Work instructions: State how many lines in the records below contain the word "thickness". Nothing else is needed.

Recorded information:
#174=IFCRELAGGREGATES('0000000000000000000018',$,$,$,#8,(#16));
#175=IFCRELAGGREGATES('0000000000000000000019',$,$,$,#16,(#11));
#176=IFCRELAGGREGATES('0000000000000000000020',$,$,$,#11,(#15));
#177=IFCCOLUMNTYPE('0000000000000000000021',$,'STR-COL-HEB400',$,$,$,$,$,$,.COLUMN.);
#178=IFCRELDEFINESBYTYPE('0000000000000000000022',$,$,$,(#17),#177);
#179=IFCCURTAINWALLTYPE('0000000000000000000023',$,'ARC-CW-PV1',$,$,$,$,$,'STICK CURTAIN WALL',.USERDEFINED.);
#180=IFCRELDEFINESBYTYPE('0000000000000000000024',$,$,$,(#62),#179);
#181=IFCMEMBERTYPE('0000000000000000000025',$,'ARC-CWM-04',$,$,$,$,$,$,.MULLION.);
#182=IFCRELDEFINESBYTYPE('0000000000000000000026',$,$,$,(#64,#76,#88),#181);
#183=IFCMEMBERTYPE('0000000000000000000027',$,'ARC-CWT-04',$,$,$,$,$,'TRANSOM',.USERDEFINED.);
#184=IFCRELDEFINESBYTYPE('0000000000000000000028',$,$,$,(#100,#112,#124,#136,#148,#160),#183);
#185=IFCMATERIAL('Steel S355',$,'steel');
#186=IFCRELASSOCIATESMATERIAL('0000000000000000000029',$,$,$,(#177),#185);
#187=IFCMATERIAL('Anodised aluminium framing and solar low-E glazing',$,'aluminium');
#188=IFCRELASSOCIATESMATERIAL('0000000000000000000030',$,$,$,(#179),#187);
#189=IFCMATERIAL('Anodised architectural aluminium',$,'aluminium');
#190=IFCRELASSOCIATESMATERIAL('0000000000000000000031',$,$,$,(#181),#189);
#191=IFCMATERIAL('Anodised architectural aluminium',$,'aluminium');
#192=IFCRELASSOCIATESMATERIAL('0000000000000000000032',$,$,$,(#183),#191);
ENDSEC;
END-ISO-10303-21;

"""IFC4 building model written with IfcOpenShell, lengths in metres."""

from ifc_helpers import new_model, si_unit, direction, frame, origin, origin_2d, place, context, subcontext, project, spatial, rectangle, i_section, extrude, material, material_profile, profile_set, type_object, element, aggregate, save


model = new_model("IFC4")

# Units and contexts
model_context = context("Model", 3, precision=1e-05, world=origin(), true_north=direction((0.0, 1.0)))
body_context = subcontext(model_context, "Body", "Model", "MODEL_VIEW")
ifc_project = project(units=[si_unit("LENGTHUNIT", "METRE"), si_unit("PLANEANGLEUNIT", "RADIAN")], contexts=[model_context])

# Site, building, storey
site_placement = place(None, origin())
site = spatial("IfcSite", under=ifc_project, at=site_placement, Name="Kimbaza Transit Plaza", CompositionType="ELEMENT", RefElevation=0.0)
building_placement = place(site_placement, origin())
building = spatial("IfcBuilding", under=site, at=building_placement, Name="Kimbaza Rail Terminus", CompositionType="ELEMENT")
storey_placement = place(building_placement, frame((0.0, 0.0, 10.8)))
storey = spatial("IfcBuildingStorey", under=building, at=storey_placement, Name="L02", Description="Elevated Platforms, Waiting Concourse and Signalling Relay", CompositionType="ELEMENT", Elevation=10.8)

==

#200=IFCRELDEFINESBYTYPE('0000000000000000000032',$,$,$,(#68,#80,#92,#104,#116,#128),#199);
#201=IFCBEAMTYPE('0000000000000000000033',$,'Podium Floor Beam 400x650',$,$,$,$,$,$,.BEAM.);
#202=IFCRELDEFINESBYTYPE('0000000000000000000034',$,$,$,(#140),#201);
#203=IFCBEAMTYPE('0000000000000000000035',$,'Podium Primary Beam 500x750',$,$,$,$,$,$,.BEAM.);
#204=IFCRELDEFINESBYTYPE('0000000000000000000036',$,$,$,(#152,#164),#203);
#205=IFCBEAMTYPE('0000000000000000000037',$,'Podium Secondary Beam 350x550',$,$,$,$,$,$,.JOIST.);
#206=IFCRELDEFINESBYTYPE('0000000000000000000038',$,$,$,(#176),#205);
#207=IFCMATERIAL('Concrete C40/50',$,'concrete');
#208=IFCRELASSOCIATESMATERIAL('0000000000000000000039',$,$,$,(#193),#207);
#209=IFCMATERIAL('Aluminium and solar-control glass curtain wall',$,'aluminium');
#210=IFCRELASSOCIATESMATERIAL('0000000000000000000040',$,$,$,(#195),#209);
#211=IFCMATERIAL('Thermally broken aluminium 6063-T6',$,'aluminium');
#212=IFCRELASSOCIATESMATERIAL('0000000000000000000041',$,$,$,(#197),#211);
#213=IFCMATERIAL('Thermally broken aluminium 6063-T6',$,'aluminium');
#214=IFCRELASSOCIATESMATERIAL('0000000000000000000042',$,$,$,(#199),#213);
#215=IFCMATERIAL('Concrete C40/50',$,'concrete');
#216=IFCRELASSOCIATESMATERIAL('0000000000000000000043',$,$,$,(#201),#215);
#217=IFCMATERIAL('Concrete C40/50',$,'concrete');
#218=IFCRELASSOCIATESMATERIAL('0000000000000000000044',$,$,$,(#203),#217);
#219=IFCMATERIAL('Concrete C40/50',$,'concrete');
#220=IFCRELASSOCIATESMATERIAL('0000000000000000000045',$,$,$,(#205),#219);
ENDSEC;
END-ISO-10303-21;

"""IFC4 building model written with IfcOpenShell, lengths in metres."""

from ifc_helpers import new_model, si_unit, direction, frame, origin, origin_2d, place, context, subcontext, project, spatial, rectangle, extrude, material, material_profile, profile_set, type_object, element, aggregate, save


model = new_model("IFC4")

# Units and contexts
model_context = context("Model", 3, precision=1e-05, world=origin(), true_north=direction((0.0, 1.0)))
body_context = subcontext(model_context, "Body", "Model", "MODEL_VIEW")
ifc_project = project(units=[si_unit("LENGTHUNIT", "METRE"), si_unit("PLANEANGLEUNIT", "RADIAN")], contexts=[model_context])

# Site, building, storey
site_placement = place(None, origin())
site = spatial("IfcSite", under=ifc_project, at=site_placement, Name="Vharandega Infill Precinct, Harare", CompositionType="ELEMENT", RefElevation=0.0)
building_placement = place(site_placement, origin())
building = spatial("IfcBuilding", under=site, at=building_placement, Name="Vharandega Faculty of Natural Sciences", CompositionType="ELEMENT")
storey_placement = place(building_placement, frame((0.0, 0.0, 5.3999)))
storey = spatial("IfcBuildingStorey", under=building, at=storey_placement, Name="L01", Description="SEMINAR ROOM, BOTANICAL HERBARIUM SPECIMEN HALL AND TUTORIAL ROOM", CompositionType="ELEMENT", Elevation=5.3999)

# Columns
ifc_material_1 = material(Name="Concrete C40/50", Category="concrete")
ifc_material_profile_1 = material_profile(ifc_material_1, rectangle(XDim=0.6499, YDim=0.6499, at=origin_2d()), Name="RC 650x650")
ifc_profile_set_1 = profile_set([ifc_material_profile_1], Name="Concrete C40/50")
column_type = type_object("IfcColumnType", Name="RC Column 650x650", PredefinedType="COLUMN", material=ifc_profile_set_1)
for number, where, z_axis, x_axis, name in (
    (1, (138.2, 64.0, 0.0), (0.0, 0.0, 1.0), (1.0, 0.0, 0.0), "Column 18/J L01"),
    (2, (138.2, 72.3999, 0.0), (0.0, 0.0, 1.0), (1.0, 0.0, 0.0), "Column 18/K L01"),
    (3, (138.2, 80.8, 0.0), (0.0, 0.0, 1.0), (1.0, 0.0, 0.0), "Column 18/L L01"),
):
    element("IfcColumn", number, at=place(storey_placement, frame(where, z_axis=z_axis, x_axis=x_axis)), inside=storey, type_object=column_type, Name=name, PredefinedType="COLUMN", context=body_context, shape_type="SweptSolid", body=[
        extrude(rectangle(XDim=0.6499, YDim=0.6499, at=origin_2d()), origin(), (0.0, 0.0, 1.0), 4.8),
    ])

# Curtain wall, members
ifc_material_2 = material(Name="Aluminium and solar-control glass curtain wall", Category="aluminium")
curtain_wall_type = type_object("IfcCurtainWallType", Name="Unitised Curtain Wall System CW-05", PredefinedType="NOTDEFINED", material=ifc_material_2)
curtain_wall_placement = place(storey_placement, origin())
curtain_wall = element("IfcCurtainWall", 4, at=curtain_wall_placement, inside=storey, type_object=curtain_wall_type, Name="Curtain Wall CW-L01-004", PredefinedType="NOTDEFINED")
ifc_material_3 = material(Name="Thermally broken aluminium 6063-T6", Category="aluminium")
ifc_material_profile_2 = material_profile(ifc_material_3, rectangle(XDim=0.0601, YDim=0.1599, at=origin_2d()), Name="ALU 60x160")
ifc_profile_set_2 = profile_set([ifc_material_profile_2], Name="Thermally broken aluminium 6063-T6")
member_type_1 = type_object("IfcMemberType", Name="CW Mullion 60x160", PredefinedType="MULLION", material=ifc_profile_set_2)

...

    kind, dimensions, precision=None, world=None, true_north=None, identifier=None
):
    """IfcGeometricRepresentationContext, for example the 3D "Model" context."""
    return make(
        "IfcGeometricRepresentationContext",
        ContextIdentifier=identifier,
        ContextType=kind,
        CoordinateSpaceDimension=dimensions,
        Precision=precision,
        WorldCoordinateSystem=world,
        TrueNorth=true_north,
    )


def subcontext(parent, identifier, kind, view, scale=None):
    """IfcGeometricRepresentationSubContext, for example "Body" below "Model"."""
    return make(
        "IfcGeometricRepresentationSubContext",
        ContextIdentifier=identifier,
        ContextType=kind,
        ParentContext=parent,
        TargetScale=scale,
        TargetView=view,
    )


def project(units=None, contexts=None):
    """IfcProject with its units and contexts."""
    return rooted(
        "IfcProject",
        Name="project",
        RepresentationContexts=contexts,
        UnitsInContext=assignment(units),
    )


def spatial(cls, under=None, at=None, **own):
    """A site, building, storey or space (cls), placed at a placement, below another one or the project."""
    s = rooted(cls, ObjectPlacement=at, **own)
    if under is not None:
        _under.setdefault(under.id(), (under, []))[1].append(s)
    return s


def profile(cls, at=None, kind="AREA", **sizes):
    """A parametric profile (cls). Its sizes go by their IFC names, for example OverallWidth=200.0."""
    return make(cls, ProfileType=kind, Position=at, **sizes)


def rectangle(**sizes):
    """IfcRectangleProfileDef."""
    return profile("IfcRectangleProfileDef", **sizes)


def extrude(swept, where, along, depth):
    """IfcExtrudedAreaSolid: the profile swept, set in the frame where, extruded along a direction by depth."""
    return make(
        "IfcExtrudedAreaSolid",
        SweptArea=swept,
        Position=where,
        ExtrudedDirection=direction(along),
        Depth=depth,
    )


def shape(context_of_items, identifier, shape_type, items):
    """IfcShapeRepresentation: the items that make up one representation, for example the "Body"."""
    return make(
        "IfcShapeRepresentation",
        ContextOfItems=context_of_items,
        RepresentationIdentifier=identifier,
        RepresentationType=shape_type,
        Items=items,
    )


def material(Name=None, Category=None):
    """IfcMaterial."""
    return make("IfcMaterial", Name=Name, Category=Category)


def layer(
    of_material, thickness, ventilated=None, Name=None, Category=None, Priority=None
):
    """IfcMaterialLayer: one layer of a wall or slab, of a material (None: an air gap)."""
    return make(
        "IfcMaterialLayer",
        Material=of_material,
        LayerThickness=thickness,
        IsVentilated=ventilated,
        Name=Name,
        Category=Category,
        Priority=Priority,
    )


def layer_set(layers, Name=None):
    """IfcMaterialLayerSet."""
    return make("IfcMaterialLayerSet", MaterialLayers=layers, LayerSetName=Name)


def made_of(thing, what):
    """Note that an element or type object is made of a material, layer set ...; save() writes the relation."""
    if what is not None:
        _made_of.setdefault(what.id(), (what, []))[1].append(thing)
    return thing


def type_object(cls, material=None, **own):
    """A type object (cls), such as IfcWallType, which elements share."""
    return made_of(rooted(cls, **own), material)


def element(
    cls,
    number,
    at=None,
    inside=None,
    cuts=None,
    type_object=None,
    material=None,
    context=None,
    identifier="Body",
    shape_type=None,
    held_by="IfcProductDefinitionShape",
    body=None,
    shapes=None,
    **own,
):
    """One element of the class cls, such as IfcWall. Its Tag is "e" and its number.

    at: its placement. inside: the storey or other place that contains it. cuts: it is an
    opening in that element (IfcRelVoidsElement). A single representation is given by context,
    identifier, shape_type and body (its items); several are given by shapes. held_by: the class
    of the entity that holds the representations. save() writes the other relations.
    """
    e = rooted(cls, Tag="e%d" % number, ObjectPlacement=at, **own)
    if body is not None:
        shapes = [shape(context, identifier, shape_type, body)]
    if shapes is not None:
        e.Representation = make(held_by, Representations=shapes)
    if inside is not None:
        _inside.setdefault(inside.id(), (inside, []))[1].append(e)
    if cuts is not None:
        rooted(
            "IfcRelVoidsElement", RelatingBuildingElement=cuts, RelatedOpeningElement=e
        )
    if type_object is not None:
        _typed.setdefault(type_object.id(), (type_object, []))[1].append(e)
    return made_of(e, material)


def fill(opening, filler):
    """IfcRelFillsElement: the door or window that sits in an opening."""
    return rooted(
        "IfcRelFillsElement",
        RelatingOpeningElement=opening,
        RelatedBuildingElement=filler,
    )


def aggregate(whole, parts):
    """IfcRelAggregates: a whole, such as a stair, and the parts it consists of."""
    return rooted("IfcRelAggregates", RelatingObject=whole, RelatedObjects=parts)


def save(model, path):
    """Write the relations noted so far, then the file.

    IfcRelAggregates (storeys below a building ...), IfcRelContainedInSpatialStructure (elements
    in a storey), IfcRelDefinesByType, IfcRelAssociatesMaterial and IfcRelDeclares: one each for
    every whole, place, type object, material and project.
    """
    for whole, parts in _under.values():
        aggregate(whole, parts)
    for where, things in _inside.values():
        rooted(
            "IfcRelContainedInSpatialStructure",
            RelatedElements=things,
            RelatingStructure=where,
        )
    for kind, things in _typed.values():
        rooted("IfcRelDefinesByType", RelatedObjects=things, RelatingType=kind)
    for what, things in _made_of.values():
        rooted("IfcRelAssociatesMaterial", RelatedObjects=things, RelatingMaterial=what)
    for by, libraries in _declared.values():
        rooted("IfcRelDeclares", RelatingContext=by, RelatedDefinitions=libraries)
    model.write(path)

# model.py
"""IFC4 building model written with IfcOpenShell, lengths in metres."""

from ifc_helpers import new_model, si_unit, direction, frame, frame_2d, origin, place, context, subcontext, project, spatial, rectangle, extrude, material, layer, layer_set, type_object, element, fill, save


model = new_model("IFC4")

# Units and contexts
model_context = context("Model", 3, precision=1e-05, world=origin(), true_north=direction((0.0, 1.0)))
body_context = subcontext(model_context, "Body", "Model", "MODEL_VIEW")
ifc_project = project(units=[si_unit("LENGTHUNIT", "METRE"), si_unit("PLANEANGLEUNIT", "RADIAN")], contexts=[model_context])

Response to this task: 2